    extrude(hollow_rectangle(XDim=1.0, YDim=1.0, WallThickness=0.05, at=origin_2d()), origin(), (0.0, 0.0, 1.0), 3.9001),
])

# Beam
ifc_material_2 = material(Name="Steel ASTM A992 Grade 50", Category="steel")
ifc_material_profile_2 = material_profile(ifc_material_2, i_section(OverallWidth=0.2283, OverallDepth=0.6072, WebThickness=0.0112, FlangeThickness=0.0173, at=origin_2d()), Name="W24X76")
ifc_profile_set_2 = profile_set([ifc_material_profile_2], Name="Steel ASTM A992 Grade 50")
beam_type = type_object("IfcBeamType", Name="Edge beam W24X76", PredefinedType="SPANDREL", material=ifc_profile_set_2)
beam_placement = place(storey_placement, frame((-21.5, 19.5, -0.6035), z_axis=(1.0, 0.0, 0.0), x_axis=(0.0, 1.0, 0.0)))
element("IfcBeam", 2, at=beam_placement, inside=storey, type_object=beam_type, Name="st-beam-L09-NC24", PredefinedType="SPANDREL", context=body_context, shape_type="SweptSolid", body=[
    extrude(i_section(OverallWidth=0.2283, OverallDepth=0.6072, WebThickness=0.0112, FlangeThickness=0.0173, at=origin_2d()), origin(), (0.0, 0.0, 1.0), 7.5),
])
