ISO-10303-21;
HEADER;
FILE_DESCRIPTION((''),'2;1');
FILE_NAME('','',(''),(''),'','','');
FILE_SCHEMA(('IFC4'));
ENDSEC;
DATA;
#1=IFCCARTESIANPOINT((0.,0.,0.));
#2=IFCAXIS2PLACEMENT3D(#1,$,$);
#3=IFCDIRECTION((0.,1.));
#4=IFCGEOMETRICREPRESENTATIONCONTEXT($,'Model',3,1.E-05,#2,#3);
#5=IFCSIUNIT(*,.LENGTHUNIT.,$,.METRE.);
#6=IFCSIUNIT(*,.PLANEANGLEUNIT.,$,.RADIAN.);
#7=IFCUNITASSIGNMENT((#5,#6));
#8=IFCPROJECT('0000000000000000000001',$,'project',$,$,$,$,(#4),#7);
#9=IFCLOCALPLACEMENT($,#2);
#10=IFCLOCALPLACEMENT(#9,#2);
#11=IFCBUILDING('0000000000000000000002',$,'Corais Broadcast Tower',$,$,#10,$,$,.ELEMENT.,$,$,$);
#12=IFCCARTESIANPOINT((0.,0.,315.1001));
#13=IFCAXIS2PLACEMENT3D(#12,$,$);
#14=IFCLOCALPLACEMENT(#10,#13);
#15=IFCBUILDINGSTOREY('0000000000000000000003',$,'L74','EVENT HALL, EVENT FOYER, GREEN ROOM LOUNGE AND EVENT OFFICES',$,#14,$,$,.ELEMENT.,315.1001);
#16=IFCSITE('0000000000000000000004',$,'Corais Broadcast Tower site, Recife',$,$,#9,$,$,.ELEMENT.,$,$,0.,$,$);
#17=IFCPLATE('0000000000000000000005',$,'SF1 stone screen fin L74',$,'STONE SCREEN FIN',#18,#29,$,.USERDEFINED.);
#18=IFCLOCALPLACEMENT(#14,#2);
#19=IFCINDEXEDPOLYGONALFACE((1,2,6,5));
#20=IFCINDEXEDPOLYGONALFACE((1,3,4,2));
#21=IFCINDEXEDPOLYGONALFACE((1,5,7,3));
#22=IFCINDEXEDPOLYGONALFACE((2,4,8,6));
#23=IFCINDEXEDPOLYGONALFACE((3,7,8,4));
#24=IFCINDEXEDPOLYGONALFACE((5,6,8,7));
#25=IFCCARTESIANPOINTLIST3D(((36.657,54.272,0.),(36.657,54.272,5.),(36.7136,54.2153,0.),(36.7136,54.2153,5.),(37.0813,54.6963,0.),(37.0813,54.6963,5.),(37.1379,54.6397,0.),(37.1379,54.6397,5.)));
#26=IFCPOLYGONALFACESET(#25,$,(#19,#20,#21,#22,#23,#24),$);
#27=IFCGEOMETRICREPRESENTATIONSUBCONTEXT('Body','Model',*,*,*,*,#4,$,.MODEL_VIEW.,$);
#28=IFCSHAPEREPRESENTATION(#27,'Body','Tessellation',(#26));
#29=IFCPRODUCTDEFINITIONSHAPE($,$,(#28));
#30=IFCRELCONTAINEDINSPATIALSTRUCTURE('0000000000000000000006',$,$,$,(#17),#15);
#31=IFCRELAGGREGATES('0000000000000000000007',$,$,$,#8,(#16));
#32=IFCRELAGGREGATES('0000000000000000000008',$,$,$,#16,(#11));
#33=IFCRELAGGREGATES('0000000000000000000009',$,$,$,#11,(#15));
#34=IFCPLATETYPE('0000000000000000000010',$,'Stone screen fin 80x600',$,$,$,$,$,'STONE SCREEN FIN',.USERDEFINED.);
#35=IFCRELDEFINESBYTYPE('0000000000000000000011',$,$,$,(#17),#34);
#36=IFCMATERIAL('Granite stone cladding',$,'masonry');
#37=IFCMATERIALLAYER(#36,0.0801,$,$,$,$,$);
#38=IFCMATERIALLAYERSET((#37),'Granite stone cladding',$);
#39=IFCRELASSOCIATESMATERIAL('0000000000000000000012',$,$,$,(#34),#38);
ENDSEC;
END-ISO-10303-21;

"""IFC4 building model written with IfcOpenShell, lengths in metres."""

from ifc_helpers import new_model, si_unit, direction, frame, origin, origin_2d, place, context, subcontext, project, spatial, rectangle, extrude, material, layer, layer_set, type_object, element, save


model = new_model("IFC4")

# Units and contexts
model_context = context("Model", 3, precision=1e-05, world=origin(), true_north=direction((0.0, 1.0)))
body_context = subcontext(model_context, "Body", "Model", "MODEL_VIEW")
ifc_project = project(units=[si_unit("LENGTHUNIT", "METRE"), si_unit("PLANEANGLEUNIT", "RADIAN")], contexts=[model_context])

# Site, building, storey
site_placement = place(None, origin())
site = spatial("IfcSite", under=ifc_project, at=site_placement, Name="Corais Broadcast Tower site, Recife", CompositionType="ELEMENT", RefElevation=0.0)
building_placement = place(site_placement, origin())
building = spatial("IfcBuilding", under=site, at=building_placement, Name="Corais Broadcast Tower", CompositionType="ELEMENT")
storey_placement = place(building_placement, frame((0.0, 0.0, 315.1001)))
storey = spatial("IfcBuildingStorey", under=building, at=storey_placement, Name="L74", Description="EVENT HALL, EVENT FOYER, GREEN ROOM LOUNGE AND EVENT OFFICES", CompositionType="ELEMENT", Elevation=315.1001)

# Plate
ifc_material_1 = material(Name="Granite stone cladding", Category="masonry")
ifc_layer_1 = layer(ifc_material_1, 0.0801)
ifc_layer_set_1 = layer_set([ifc_layer_1], Name="Granite stone cladding")
plate_type_1 = type_object("IfcPlateType", Name="Stone screen fin 80x600", ElementType="STONE SCREEN FIN", PredefinedType="USERDEFINED", material=ifc_layer_set_1)
plate_1_placement = place(storey_placement, frame((36.8975, 54.4558, 0.0), z_axis=(0.0, 0.0, 1.0), x_axis=(0.707107, -0.707107, 0.0)))
element("IfcPlate", 1, at=plate_1_placement, inside=storey, type_object=plate_type_1, Name="SF1 stone screen fin L74", ObjectType="STONE SCREEN FIN", PredefinedType="USERDEFINED", context=body_context, shape_type="SweptSolid", body=[
    extrude(rectangle(XDim=0.0801, YDim=0.6001, at=origin_2d()), origin(), (0.0, 0.0, 1.0), 5.0),
])

save(model, "model.ifc")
#####
Retype the listing above, word for word, from its first line to the line containing "x_axis=(0.0, 1.0, 0.0)))", both ends included.

*Response:*
    extrude(hollow_rectangle(XDim=1.0, YDim=1.0, WallThickness=0.05, at=origin_2d()), origin(), (0.0, 0.0, 1.0), 3.9001),
])

# Beam
ifc_material_2 = material(Name="Steel ASTM A992 Grade 50", Category="steel")
ifc_material_profile_2 = material_profile(ifc_material_2, i_section(OverallWidth=0.2283, OverallDepth=0.6072, WebThickness=0.0112, FlangeThickness=0.0173, at=origin_2d()), Name="W24X76")
ifc_profile_set_2 = profile_set([ifc_material_profile_2], Name="Steel ASTM A992 Grade 50")
beam_type = type_object("IfcBeamType", Name="Edge beam W24X76", PredefinedType="SPANDREL", material=ifc_profile_set_2)
beam_placement = place(storey_placement, frame((-21.5, 19.5, -0.6035), z_axis=(1.0, 0.0, 0.0), x_axis=(0.0, 1.0, 0.0)))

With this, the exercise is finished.